(DATA EXTRACTS)
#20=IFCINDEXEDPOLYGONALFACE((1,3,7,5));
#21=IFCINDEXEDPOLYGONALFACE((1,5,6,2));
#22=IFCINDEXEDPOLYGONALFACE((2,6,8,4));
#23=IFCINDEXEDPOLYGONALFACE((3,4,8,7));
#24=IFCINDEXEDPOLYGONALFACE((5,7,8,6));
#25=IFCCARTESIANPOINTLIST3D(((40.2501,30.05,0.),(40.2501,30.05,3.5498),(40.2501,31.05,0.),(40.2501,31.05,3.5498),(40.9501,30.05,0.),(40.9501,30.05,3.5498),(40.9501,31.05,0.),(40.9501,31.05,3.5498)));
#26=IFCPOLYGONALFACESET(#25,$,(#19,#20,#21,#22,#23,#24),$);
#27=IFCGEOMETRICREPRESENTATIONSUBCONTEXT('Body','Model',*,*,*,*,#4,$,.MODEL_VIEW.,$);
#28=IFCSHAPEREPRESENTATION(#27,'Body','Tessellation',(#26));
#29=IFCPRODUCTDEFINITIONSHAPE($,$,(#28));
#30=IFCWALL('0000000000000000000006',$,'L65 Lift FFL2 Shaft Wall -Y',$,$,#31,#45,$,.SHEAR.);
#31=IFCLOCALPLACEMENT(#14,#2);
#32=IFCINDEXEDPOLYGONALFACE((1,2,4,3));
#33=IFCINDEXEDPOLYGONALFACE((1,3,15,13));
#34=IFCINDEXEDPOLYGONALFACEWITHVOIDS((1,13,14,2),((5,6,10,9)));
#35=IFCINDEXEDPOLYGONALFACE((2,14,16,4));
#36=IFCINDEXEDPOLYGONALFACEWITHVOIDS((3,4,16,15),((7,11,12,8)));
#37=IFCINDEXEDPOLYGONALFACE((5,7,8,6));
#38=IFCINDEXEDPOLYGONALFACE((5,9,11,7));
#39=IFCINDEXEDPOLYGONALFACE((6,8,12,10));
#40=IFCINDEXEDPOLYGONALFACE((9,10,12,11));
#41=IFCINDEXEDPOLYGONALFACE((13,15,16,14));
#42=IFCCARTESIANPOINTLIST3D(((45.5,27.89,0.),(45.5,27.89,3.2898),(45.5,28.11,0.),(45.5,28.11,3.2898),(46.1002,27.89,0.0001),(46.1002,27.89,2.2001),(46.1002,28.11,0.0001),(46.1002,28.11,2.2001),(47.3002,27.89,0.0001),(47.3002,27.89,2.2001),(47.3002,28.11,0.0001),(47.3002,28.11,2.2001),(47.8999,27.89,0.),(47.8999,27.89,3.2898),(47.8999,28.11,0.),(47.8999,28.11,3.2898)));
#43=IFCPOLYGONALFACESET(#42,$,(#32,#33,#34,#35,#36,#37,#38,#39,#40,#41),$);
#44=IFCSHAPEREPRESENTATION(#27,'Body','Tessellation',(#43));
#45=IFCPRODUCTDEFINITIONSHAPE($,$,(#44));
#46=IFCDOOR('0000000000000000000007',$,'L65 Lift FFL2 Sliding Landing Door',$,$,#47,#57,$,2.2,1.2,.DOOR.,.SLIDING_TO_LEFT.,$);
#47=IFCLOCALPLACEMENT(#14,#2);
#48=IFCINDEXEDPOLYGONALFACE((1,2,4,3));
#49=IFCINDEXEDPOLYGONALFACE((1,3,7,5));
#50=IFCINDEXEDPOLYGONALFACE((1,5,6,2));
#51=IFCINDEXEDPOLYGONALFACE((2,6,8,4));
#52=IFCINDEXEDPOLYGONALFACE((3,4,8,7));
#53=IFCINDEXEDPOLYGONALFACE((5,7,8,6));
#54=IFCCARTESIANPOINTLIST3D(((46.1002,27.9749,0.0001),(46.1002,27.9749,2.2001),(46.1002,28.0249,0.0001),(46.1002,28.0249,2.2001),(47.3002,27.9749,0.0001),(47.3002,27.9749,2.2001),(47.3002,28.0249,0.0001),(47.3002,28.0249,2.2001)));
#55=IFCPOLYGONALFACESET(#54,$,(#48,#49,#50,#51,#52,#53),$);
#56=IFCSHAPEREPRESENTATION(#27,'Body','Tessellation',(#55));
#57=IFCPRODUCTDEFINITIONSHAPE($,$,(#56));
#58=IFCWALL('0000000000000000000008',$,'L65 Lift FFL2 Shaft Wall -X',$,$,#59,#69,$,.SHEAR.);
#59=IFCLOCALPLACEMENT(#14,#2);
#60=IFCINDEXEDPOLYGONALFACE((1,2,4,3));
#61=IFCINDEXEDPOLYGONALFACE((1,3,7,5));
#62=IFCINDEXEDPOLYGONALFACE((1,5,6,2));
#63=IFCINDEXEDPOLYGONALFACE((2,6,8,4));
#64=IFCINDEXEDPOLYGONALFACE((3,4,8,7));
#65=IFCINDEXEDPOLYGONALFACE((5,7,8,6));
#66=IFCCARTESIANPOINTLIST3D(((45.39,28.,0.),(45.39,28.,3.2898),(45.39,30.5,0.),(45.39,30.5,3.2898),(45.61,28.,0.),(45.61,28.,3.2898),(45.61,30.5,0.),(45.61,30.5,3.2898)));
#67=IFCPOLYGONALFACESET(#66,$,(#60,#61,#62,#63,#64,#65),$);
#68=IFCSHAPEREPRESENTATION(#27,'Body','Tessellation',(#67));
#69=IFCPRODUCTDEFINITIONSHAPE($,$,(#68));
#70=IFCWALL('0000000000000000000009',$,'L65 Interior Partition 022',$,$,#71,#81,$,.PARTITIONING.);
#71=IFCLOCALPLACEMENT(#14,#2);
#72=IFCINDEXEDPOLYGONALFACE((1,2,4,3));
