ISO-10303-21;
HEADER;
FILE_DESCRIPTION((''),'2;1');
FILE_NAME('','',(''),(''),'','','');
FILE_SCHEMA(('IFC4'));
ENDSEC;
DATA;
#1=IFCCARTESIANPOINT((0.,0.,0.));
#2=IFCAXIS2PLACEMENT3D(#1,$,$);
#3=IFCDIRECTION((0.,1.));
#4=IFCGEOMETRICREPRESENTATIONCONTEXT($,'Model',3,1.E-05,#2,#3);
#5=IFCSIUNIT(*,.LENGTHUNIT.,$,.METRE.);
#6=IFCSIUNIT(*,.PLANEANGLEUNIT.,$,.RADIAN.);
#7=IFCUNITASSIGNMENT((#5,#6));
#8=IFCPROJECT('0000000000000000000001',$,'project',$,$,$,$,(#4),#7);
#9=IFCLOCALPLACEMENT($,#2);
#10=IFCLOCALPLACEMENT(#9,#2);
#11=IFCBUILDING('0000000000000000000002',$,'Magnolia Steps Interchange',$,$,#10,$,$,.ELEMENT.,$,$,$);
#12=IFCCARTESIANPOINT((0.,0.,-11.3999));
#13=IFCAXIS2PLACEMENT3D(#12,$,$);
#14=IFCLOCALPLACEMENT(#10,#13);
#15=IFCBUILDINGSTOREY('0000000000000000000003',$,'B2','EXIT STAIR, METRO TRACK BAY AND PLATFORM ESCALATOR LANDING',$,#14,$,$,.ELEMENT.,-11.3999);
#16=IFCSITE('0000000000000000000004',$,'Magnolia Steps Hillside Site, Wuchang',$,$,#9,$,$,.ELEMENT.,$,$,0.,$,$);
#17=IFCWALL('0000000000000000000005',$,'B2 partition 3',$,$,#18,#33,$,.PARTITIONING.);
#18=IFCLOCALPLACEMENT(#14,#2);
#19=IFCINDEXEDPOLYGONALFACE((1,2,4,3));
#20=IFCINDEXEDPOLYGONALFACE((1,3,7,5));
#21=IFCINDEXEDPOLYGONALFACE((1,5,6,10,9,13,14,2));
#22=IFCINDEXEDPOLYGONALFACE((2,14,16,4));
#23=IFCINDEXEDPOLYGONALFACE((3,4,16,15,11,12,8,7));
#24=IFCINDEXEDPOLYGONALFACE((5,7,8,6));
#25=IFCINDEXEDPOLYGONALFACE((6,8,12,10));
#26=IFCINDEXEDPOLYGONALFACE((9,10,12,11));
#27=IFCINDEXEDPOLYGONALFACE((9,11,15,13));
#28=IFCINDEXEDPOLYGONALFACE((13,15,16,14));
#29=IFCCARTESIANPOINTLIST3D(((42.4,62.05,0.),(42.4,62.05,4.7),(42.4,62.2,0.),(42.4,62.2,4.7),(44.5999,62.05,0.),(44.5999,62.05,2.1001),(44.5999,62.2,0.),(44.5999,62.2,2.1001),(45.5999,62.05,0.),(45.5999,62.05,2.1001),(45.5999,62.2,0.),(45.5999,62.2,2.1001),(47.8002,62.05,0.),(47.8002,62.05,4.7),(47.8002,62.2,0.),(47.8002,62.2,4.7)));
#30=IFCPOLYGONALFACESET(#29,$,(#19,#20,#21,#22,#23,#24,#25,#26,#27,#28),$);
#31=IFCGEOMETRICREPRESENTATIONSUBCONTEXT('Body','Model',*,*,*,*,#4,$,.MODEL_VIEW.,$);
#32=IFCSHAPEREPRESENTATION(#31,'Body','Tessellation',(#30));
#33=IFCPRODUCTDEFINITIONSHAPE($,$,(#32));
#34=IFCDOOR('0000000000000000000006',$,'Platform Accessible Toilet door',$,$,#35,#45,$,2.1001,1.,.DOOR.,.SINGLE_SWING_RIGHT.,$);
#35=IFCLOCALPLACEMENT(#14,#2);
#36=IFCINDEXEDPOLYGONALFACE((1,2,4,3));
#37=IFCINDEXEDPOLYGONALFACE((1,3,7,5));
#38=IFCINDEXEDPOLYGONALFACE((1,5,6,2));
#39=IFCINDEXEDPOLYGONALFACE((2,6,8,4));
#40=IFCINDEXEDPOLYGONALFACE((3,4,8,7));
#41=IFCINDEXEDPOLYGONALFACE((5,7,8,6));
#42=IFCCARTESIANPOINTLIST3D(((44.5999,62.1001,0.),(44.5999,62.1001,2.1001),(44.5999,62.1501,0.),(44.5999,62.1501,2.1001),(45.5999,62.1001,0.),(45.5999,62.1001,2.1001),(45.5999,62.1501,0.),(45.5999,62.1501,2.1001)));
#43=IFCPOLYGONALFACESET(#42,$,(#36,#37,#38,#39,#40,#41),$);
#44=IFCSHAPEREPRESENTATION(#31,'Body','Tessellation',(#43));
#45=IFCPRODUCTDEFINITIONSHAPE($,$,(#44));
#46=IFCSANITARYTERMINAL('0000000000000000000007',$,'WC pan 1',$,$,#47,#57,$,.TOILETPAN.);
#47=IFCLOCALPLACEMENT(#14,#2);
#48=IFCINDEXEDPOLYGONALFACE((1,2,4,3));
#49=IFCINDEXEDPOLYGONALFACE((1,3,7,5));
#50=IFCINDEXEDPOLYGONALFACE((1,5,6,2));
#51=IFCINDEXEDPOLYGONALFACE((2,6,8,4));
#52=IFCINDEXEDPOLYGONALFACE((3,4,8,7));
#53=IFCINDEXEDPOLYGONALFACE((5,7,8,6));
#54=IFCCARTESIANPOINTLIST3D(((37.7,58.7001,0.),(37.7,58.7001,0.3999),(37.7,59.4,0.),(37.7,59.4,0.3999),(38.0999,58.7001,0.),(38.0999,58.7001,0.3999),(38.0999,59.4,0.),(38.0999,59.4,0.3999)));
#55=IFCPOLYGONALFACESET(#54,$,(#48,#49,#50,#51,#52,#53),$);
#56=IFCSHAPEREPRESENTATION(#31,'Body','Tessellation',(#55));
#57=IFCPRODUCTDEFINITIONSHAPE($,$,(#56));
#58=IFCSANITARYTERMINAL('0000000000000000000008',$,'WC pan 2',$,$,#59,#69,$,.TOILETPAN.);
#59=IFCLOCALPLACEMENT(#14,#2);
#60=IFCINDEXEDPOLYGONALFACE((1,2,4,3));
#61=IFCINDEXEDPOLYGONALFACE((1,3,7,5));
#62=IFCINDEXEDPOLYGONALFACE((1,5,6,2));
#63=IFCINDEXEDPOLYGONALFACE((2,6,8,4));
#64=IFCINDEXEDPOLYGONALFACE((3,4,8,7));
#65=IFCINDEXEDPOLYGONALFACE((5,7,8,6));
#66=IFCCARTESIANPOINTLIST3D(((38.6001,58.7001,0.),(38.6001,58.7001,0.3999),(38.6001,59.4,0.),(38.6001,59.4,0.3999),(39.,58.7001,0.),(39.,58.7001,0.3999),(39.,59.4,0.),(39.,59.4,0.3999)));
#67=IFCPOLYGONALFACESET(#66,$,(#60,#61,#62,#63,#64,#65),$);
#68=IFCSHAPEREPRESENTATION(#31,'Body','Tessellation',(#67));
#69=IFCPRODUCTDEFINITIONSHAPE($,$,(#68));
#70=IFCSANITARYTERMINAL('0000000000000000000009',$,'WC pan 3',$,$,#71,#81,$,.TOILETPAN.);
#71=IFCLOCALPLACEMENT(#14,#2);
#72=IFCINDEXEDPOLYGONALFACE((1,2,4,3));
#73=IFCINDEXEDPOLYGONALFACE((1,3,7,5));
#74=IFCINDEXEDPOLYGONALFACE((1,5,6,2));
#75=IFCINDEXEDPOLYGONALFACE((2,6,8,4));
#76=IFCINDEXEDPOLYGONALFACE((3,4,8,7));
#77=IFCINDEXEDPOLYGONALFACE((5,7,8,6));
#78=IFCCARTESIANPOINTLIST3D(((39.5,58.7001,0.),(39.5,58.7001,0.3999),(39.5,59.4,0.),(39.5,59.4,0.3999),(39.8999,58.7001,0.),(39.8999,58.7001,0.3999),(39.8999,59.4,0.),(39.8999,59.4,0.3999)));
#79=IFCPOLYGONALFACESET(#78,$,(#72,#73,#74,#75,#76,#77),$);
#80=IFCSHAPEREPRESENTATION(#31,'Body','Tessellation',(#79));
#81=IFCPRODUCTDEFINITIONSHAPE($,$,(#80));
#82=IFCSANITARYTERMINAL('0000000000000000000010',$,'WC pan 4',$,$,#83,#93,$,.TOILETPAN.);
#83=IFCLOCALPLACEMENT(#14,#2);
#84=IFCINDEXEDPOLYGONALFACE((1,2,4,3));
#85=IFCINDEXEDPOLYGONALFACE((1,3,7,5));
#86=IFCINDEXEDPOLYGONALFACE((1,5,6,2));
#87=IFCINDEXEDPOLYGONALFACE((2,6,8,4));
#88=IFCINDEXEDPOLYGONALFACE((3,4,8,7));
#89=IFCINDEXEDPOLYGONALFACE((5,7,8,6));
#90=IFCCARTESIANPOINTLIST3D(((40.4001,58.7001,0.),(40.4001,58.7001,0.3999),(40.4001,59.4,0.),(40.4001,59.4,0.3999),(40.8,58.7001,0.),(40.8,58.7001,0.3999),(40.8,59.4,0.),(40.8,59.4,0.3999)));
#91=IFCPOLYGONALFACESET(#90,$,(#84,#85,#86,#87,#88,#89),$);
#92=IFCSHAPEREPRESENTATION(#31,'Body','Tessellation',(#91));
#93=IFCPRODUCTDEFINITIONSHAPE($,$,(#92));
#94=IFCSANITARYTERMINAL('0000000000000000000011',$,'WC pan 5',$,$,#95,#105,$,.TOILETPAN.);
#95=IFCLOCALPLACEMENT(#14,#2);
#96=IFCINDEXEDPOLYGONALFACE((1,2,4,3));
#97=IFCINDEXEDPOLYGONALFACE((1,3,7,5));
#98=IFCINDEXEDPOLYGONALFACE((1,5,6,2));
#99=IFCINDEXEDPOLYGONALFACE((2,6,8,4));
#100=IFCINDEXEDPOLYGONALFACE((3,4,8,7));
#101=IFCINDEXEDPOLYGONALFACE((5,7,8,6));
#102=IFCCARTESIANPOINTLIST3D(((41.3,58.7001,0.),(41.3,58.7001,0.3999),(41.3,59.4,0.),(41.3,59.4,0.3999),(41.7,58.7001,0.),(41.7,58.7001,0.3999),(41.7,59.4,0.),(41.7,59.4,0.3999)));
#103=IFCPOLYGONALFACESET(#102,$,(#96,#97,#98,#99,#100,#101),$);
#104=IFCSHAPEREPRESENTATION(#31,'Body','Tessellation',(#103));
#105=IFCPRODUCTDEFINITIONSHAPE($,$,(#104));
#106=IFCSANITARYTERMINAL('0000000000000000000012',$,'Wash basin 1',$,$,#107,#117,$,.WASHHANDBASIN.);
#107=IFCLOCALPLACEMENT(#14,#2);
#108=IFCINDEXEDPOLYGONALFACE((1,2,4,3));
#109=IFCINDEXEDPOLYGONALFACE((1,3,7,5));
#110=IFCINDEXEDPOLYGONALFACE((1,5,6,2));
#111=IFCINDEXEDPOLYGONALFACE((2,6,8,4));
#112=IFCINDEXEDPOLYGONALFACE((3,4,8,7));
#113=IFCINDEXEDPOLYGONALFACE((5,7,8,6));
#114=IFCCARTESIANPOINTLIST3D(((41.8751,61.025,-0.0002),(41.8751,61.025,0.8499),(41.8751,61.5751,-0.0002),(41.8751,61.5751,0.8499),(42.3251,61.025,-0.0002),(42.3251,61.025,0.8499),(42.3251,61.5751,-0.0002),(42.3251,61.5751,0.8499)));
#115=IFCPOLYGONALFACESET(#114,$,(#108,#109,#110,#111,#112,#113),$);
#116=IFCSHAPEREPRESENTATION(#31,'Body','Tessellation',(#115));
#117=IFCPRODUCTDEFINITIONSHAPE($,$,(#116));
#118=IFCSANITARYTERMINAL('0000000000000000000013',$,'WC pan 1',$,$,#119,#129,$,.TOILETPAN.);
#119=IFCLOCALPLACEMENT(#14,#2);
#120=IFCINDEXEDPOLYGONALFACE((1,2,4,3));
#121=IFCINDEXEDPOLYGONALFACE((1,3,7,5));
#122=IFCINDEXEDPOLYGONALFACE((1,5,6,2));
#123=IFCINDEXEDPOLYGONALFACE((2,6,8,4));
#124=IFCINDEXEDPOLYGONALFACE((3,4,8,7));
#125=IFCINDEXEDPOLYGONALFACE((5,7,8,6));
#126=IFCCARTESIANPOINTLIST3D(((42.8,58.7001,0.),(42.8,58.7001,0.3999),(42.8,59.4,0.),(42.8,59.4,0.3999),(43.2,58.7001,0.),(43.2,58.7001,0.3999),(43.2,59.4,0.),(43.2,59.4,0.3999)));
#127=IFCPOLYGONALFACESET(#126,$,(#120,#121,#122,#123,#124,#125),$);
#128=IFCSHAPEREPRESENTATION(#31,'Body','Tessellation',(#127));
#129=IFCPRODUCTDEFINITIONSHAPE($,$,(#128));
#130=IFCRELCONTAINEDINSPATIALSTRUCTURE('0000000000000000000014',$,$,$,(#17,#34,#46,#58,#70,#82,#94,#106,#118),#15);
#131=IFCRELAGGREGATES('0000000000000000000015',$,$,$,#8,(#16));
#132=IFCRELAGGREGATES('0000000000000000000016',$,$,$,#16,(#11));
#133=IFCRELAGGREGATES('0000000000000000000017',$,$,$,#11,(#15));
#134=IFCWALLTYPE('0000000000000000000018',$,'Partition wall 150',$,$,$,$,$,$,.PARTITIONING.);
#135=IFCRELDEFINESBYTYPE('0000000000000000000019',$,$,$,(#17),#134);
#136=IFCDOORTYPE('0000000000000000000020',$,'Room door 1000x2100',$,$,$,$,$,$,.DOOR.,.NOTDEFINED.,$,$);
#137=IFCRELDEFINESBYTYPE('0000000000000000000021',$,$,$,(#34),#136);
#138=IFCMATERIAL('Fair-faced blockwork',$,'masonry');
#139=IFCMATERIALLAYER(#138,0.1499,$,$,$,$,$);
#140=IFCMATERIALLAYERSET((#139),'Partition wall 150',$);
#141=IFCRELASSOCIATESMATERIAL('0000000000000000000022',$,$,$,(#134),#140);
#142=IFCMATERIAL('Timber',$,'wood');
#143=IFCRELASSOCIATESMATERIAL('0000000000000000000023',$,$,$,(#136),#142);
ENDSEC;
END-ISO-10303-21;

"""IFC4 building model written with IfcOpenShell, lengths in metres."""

from ifc_helpers import new_model, si_unit, direction, frame, frame_2d, origin, origin_2d, place, context, subcontext, project, spatial, rectangle, extrude, material, layer, layer_set, type_object, element, fill, save


model = new_model("IFC4")

# Units and contexts
model_context = context("Model", 3, precision=1e-05, world=origin(), true_north=direction((0.0, 1.0)))
body_context = subcontext(model_context, "Body", "Model", "MODEL_VIEW")
ifc_project = project(units=[si_unit("LENGTHUNIT", "METRE"), si_unit("PLANEANGLEUNIT", "RADIAN")], contexts=[model_context])

# Site, building, storey
site_placement = place(None, origin())
site = spatial("IfcSite", under=ifc_project, at=site_placement, Name="Magnolia Steps Hillside Site, Wuchang", CompositionType="ELEMENT", RefElevation=0.0)
building_placement = place(site_placement, origin())
building = spatial("IfcBuilding", under=site, at=building_placement, Name="Magnolia Steps Interchange", CompositionType="ELEMENT")
storey_placement = place(building_placement, frame((0.0, 0.0, -11.3999)))
storey = spatial("IfcBuildingStorey", under=building, at=storey_placement, Name="B2", Description="EXIT STAIR, METRO TRACK BAY AND PLATFORM ESCALATOR LANDING", CompositionType="ELEMENT", Elevation=-11.3999)

# Wall, opening, door
ifc_material_1 = material(Name="Fair-faced blockwork", Category="masonry")
ifc_layer = layer(ifc_material_1, 0.1499)
ifc_layer_set = layer_set([ifc_layer], Name="Partition wall 150")
wall_type = type_object("IfcWallType", Name="Partition wall 150", PredefinedType="PARTITIONING", material=ifc_layer_set)
ifc_material_2 = material(Name="Timber", Category="wood")
door_type = type_object("IfcDoorType", Name="Room door 1000x2100", OperationType="NOTDEFINED", PredefinedType="DOOR", material=ifc_material_2)
wall_1_placement = place(storey_placement, frame((42.3999, 62.125, 0.0), z_axis=(0.0, 0.0, 1.0), x_axis=(1.0, 0.0, 0.0)))
wall_1 = element("IfcWall", 1, at=wall_1_placement, inside=storey, type_object=wall_type, Name="B2 partition 3", PredefinedType="PARTITIONING", context=body_context, shape_type="SweptSolid", body=[
    extrude(rectangle(XDim=5.4001, YDim=0.1499, at=frame_2d((2.7002, 0.0))), origin(), (0.0, 0.0, 1.0), 4.7),
])
opening_1_placement = place(wall_1_placement, frame((2.2, 0.0, 0.0)))
opening_1 = element("IfcOpeningElement", 2, at=opening_1_placement, cuts=wall_1, PredefinedType="OPENING", context=body_context, shape_type="SweptSolid", body=[
    extrude(rectangle(XDim=1.0, YDim=2.1001, at=frame_2d((0.5, 1.05))), frame((0.0, 0.085, 0.0), z_axis=(0.0, -1.0, 0.0), x_axis=(1.0, 0.0, 0.0)), (0.0, 0.0, 1.0), 0.1699),
])
door_1_placement = place(opening_1_placement, frame((1.0, 0.0, 0.0), z_axis=(0.0, 0.0, 1.0), x_axis=(-1.0, 0.0, 0.0)))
(End DATA EXTRACTS)
▸ **EXERCISE DETAILS**:
Can you write out the lines above, from the first one through the one containing "#39=IFCINDEXEDPOLYGONALFACE((6,8,12,10));", exactly as they appear and nothing more?

▸ **RESPONSE BOX**:
#20=IFCINDEXEDPOLYGONALFACE((1,3,7,5));
#21=IFCINDEXEDPOLYGONALFACE((1,5,6,2));
#22=IFCINDEXEDPOLYGONALFACE((2,6,8,4));
#23=IFCINDEXEDPOLYGONALFACE((3,4,8,7));
#24=IFCINDEXEDPOLYGONALFACE((5,7,8,6));
#25=IFCCARTESIANPOINTLIST3D(((40.2501,30.05,0.),(40.2501,30.05,3.5498),(40.2501,31.05,0.),(40.2501,31.05,3.5498),(40.9501,30.05,0.),(40.9501,30.05,3.5498),(40.9501,31.05,0.),(40.9501,31.05,3.5498)));
#26=IFCPOLYGONALFACESET(#25,$,(#19,#20,#21,#22,#23,#24),$);
#27=IFCGEOMETRICREPRESENTATIONSUBCONTEXT('Body','Model',*,*,*,*,#4,$,.MODEL_VIEW.,$);
#28=IFCSHAPEREPRESENTATION(#27,'Body','Tessellation',(#26));
#29=IFCPRODUCTDEFINITIONSHAPE($,$,(#28));
#30=IFCWALL('0000000000000000000006',$,'L65 Lift FFL2 Shaft Wall -Y',$,$,#31,#45,$,.SHEAR.);
#31=IFCLOCALPLACEMENT(#14,#2);
#32=IFCINDEXEDPOLYGONALFACE((1,2,4,3));
#33=IFCINDEXEDPOLYGONALFACE((1,3,15,13));
#34=IFCINDEXEDPOLYGONALFACEWITHVOIDS((1,13,14,2),((5,6,10,9)));
#35=IFCINDEXEDPOLYGONALFACE((2,14,16,4));
#36=IFCINDEXEDPOLYGONALFACEWITHVOIDS((3,4,16,15),((7,11,12,8)));
#37=IFCINDEXEDPOLYGONALFACE((5,7,8,6));
#38=IFCINDEXEDPOLYGONALFACE((5,9,11,7));
#39=IFCINDEXEDPOLYGONALFACE((6,8,12,10));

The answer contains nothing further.